[MATERIAL FOR THIS EXERCISE]

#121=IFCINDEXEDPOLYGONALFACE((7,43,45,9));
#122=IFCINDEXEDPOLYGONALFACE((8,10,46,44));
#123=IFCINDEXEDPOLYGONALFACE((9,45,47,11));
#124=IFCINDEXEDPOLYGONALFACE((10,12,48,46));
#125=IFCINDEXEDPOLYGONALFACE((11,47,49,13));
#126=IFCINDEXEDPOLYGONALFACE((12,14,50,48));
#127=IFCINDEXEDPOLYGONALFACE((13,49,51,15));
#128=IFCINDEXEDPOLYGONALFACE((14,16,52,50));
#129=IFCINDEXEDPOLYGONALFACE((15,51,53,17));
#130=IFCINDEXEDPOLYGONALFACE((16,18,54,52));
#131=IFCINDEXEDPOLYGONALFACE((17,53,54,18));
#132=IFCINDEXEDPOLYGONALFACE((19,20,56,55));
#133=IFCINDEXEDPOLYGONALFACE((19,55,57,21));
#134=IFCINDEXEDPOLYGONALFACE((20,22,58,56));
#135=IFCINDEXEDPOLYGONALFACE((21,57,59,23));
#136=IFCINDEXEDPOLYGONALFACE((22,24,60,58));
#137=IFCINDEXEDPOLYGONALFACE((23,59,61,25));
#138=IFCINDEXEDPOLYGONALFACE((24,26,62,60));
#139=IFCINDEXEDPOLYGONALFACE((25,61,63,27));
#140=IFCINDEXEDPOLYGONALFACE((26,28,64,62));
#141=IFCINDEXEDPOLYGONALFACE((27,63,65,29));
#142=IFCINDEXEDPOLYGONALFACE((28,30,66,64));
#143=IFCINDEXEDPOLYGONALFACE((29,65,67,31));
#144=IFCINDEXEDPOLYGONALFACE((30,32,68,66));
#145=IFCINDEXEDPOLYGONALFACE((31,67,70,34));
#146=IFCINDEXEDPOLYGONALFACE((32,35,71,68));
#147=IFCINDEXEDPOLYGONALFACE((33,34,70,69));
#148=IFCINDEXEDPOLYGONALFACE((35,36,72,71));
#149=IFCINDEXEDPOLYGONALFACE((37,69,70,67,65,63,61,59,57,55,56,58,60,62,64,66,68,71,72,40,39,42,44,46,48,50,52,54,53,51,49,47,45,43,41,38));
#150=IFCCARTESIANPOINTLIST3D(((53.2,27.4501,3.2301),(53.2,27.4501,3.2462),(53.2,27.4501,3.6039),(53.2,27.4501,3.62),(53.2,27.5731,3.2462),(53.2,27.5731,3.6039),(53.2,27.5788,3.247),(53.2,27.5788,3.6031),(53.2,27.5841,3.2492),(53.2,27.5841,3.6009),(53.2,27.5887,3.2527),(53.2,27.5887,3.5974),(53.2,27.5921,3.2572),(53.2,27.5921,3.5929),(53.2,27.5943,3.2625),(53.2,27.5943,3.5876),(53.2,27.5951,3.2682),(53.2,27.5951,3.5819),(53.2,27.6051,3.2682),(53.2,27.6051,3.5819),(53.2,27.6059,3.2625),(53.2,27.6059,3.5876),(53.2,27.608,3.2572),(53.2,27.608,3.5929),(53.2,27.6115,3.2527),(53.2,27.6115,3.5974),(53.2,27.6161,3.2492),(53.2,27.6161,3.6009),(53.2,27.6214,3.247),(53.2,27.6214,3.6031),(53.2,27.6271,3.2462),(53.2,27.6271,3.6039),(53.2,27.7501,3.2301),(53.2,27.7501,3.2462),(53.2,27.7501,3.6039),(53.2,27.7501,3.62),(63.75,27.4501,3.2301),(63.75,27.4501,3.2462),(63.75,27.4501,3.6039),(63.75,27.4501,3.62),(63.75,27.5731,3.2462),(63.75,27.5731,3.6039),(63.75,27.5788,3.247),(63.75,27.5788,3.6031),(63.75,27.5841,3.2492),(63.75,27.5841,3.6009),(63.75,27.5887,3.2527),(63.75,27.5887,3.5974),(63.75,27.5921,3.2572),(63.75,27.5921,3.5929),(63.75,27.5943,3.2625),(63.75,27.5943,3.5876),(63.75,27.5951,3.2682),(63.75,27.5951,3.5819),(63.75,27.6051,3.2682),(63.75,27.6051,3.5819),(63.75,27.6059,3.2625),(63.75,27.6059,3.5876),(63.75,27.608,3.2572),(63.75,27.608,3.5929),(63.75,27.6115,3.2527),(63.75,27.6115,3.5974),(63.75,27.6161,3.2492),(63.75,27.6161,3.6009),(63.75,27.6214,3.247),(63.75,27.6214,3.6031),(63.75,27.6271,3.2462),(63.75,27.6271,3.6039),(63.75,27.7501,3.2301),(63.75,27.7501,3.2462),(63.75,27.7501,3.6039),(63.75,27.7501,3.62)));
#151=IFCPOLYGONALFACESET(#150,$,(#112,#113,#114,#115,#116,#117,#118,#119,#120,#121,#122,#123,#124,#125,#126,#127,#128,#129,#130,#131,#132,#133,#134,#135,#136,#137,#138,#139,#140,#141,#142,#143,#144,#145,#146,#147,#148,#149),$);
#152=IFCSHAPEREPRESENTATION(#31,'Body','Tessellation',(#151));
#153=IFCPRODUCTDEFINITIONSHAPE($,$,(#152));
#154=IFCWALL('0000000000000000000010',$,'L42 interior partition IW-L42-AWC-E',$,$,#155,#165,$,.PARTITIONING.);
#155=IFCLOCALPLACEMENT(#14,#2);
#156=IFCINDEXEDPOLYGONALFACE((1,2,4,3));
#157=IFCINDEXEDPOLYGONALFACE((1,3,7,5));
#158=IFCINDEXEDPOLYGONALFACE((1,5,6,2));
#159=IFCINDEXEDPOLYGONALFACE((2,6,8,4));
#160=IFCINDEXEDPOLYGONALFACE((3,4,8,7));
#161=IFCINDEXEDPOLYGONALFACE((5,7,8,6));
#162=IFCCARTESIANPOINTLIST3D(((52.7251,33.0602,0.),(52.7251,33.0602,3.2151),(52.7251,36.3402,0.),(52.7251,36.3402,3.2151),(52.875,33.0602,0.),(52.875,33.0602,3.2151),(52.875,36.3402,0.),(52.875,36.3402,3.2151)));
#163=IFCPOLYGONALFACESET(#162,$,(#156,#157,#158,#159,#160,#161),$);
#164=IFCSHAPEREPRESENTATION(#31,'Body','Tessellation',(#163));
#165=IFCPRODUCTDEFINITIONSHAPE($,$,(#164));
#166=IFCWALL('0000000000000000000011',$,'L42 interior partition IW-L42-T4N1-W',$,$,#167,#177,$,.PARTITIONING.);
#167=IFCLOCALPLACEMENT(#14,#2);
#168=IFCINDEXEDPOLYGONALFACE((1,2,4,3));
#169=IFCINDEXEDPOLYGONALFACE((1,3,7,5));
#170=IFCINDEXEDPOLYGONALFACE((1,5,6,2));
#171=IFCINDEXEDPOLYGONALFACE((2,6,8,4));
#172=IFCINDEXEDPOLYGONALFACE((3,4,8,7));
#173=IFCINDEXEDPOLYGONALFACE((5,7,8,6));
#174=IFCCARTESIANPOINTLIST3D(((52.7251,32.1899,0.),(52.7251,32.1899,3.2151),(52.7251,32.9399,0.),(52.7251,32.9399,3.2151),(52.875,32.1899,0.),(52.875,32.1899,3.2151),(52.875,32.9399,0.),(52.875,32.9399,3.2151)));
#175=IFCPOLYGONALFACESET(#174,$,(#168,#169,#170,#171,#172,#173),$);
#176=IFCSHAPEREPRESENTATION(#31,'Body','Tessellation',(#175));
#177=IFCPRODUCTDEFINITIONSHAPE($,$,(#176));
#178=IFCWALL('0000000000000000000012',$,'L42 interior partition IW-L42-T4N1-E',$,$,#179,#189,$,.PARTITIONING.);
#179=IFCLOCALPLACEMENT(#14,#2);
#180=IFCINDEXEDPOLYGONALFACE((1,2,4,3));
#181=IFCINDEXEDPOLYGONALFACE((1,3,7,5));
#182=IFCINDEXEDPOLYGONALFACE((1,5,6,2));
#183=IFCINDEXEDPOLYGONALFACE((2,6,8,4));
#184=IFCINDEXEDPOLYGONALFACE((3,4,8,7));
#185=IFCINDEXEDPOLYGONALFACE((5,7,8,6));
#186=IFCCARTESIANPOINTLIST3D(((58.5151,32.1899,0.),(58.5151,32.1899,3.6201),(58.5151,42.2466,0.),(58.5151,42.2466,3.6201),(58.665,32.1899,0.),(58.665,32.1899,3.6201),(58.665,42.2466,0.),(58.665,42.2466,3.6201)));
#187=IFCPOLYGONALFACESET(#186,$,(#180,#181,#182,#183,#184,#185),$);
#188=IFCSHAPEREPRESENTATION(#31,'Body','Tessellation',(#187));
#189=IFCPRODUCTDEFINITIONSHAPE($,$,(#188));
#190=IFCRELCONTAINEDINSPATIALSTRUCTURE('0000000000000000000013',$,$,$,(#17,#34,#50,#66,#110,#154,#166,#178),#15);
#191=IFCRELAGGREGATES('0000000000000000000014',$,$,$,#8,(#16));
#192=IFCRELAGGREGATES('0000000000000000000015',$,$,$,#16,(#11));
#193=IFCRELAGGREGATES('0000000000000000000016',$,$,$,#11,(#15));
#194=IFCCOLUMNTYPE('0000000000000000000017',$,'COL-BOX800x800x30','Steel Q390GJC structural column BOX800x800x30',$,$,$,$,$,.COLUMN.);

[/MATERIAL FOR THIS EXERCISE]

WHAT NEEDS TO BE DONE: Pull every line with the string "IFCRELAGGREGATES" from the data above.

OUTPUT OF THE TASK:
#191=IFCRELAGGREGATES('0000000000000000000014',$,$,$,#8,(#16));
#192=IFCRELAGGREGATES('0000000000000000000015',$,$,$,#16,(#11));
#193=IFCRELAGGREGATES('0000000000000000000016',$,$,$,#11,(#15));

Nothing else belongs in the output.